Copy out the data below. Leave nothing out and alter nothing.

Data supplied
..............................

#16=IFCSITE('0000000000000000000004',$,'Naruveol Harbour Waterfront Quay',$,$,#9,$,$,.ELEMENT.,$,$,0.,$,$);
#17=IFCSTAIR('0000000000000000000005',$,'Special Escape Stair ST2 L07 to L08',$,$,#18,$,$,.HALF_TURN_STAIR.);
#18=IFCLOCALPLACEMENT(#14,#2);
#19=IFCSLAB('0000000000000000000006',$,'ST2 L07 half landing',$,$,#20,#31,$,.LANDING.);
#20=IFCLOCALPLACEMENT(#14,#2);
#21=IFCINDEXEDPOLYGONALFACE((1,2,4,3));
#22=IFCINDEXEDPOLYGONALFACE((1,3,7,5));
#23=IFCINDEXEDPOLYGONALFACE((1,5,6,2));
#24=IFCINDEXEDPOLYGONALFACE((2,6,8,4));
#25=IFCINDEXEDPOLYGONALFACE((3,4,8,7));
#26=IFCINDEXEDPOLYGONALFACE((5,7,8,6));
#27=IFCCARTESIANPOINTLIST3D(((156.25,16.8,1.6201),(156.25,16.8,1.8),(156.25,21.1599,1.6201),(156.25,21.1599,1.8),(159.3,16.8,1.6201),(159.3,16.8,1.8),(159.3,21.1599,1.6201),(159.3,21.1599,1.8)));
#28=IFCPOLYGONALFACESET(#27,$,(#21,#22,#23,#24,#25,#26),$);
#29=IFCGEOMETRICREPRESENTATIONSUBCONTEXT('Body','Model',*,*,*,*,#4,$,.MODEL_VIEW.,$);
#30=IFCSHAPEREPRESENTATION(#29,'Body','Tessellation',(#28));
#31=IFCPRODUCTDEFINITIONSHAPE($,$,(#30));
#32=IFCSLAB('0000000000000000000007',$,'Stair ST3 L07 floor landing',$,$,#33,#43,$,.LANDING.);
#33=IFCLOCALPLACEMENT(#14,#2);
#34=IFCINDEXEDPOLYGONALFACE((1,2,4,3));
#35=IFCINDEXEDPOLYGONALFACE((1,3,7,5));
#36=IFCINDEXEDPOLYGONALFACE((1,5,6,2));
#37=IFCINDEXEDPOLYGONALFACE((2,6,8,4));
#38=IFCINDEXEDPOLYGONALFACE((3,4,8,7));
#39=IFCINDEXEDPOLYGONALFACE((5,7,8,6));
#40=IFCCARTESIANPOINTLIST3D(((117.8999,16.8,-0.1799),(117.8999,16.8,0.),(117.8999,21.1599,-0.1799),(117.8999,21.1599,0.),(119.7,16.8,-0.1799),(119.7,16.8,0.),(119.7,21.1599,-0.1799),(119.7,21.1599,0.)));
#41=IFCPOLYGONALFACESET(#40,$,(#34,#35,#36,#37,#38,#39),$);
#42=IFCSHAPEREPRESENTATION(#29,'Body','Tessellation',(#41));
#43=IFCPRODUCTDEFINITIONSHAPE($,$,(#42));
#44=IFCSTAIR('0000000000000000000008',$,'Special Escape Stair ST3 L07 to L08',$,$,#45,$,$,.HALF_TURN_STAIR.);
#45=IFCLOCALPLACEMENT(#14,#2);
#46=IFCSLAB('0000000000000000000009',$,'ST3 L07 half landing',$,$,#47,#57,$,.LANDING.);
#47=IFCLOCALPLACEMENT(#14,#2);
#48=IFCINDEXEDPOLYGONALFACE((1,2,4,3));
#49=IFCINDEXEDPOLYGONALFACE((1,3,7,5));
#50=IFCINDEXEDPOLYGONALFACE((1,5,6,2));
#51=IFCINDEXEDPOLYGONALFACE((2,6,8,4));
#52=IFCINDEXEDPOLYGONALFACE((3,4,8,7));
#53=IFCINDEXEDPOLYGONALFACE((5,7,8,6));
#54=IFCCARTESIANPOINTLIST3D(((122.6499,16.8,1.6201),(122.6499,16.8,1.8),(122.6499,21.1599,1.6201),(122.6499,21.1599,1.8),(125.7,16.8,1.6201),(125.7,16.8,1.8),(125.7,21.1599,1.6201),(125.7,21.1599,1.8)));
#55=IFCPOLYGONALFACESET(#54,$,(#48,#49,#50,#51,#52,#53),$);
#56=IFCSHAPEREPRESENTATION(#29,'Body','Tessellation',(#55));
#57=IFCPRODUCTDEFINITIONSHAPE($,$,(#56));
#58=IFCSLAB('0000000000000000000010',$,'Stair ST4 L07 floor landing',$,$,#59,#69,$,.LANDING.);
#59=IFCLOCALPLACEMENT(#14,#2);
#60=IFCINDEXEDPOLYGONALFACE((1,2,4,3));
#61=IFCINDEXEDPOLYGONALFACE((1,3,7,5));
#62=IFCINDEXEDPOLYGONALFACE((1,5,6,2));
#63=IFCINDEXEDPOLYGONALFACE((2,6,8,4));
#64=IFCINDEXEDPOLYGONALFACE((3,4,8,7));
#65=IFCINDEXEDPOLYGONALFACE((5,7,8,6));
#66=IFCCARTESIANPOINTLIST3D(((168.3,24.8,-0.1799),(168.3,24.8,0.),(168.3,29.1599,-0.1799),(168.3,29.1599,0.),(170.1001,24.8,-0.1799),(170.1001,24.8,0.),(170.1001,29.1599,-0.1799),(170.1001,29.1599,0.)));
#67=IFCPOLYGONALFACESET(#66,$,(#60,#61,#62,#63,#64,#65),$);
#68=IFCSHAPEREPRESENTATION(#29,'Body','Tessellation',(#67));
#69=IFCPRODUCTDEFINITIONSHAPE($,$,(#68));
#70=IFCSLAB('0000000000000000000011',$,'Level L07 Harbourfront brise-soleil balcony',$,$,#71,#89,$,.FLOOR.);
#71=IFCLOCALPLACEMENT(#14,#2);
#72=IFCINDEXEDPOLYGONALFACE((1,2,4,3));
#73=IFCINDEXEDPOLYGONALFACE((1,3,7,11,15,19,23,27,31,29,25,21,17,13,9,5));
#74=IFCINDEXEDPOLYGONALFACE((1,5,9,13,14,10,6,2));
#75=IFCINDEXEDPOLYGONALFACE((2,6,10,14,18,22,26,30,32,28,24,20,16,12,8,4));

..............................

Written answer
#16=IFCSITE('0000000000000000000004',$,'Naruveol Harbour Waterfront Quay',$,$,#9,$,$,.ELEMENT.,$,$,0.,$,$);
#17=IFCSTAIR('0000000000000000000005',$,'Special Escape Stair ST2 L07 to L08',$,$,#18,$,$,.HALF_TURN_STAIR.);
#18=IFCLOCALPLACEMENT(#14,#2);
#19=IFCSLAB('0000000000000000000006',$,'ST2 L07 half landing',$,$,#20,#31,$,.LANDING.);
#20=IFCLOCALPLACEMENT(#14,#2);
#21=IFCINDEXEDPOLYGONALFACE((1,2,4,3));
#22=IFCINDEXEDPOLYGONALFACE((1,3,7,5));
#23=IFCINDEXEDPOLYGONALFACE((1,5,6,2));
#24=IFCINDEXEDPOLYGONALFACE((2,6,8,4));
#25=IFCINDEXEDPOLYGONALFACE((3,4,8,7));
#26=IFCINDEXEDPOLYGONALFACE((5,7,8,6));
#27=IFCCARTESIANPOINTLIST3D(((156.25,16.8,1.6201),(156.25,16.8,1.8),(156.25,21.1599,1.6201),(156.25,21.1599,1.8),(159.3,16.8,1.6201),(159.3,16.8,1.8),(159.3,21.1599,1.6201),(159.3,21.1599,1.8)));
#28=IFCPOLYGONALFACESET(#27,$,(#21,#22,#23,#24,#25,#26),$);
#29=IFCGEOMETRICREPRESENTATIONSUBCONTEXT('Body','Model',*,*,*,*,#4,$,.MODEL_VIEW.,$);
#30=IFCSHAPEREPRESENTATION(#29,'Body','Tessellation',(#28));
#31=IFCPRODUCTDEFINITIONSHAPE($,$,(#30));
#32=IFCSLAB('0000000000000000000007',$,'Stair ST3 L07 floor landing',$,$,#33,#43,$,.LANDING.);
#33=IFCLOCALPLACEMENT(#14,#2);
#34=IFCINDEXEDPOLYGONALFACE((1,2,4,3));
#35=IFCINDEXEDPOLYGONALFACE((1,3,7,5));
#36=IFCINDEXEDPOLYGONALFACE((1,5,6,2));
#37=IFCINDEXEDPOLYGONALFACE((2,6,8,4));
#38=IFCINDEXEDPOLYGONALFACE((3,4,8,7));
#39=IFCINDEXEDPOLYGONALFACE((5,7,8,6));
#40=IFCCARTESIANPOINTLIST3D(((117.8999,16.8,-0.1799),(117.8999,16.8,0.),(117.8999,21.1599,-0.1799),(117.8999,21.1599,0.),(119.7,16.8,-0.1799),(119.7,16.8,0.),(119.7,21.1599,-0.1799),(119.7,21.1599,0.)));
#41=IFCPOLYGONALFACESET(#40,$,(#34,#35,#36,#37,#38,#39),$);
#42=IFCSHAPEREPRESENTATION(#29,'Body','Tessellation',(#41));
#43=IFCPRODUCTDEFINITIONSHAPE($,$,(#42));
#44=IFCSTAIR('0000000000000000000008',$,'Special Escape Stair ST3 L07 to L08',$,$,#45,$,$,.HALF_TURN_STAIR.);
#45=IFCLOCALPLACEMENT(#14,#2);
#46=IFCSLAB('0000000000000000000009',$,'ST3 L07 half landing',$,$,#47,#57,$,.LANDING.);
#47=IFCLOCALPLACEMENT(#14,#2);
#48=IFCINDEXEDPOLYGONALFACE((1,2,4,3));
#49=IFCINDEXEDPOLYGONALFACE((1,3,7,5));
#50=IFCINDEXEDPOLYGONALFACE((1,5,6,2));
#51=IFCINDEXEDPOLYGONALFACE((2,6,8,4));
#52=IFCINDEXEDPOLYGONALFACE((3,4,8,7));
#53=IFCINDEXEDPOLYGONALFACE((5,7,8,6));
#54=IFCCARTESIANPOINTLIST3D(((122.6499,16.8,1.6201),(122.6499,16.8,1.8),(122.6499,21.1599,1.6201),(122.6499,21.1599,1.8),(125.7,16.8,1.6201),(125.7,16.8,1.8),(125.7,21.1599,1.6201),(125.7,21.1599,1.8)));
#55=IFCPOLYGONALFACESET(#54,$,(#48,#49,#50,#51,#52,#53),$);
#56=IFCSHAPEREPRESENTATION(#29,'Body','Tessellation',(#55));
#57=IFCPRODUCTDEFINITIONSHAPE($,$,(#56));
#58=IFCSLAB('0000000000000000000010',$,'Stair ST4 L07 floor landing',$,$,#59,#69,$,.LANDING.);
#59=IFCLOCALPLACEMENT(#14,#2);
#60=IFCINDEXEDPOLYGONALFACE((1,2,4,3));
#61=IFCINDEXEDPOLYGONALFACE((1,3,7,5));
#62=IFCINDEXEDPOLYGONALFACE((1,5,6,2));
#63=IFCINDEXEDPOLYGONALFACE((2,6,8,4));
#64=IFCINDEXEDPOLYGONALFACE((3,4,8,7));
#65=IFCINDEXEDPOLYGONALFACE((5,7,8,6));
#66=IFCCARTESIANPOINTLIST3D(((168.3,24.8,-0.1799),(168.3,24.8,0.),(168.3,29.1599,-0.1799),(168.3,29.1599,0.),(170.1001,24.8,-0.1799),(170.1001,24.8,0.),(170.1001,29.1599,-0.1799),(170.1001,29.1599,0.)));
#67=IFCPOLYGONALFACESET(#66,$,(#60,#61,#62,#63,#64,#65),$);
#68=IFCSHAPEREPRESENTATION(#29,'Body','Tessellation',(#67));
#69=IFCPRODUCTDEFINITIONSHAPE($,$,(#68));
#70=IFCSLAB('0000000000000000000011',$,'Level L07 Harbourfront brise-soleil balcony',$,$,#71,#89,$,.FLOOR.);
#71=IFCLOCALPLACEMENT(#14,#2);
#72=IFCINDEXEDPOLYGONALFACE((1,2,4,3));
#73=IFCINDEXEDPOLYGONALFACE((1,3,7,11,15,19,23,27,31,29,25,21,17,13,9,5));
#74=IFCINDEXEDPOLYGONALFACE((1,5,9,13,14,10,6,2));
#75=IFCINDEXEDPOLYGONALFACE((2,6,10,14,18,22,26,30,32,28,24,20,16,12,8,4));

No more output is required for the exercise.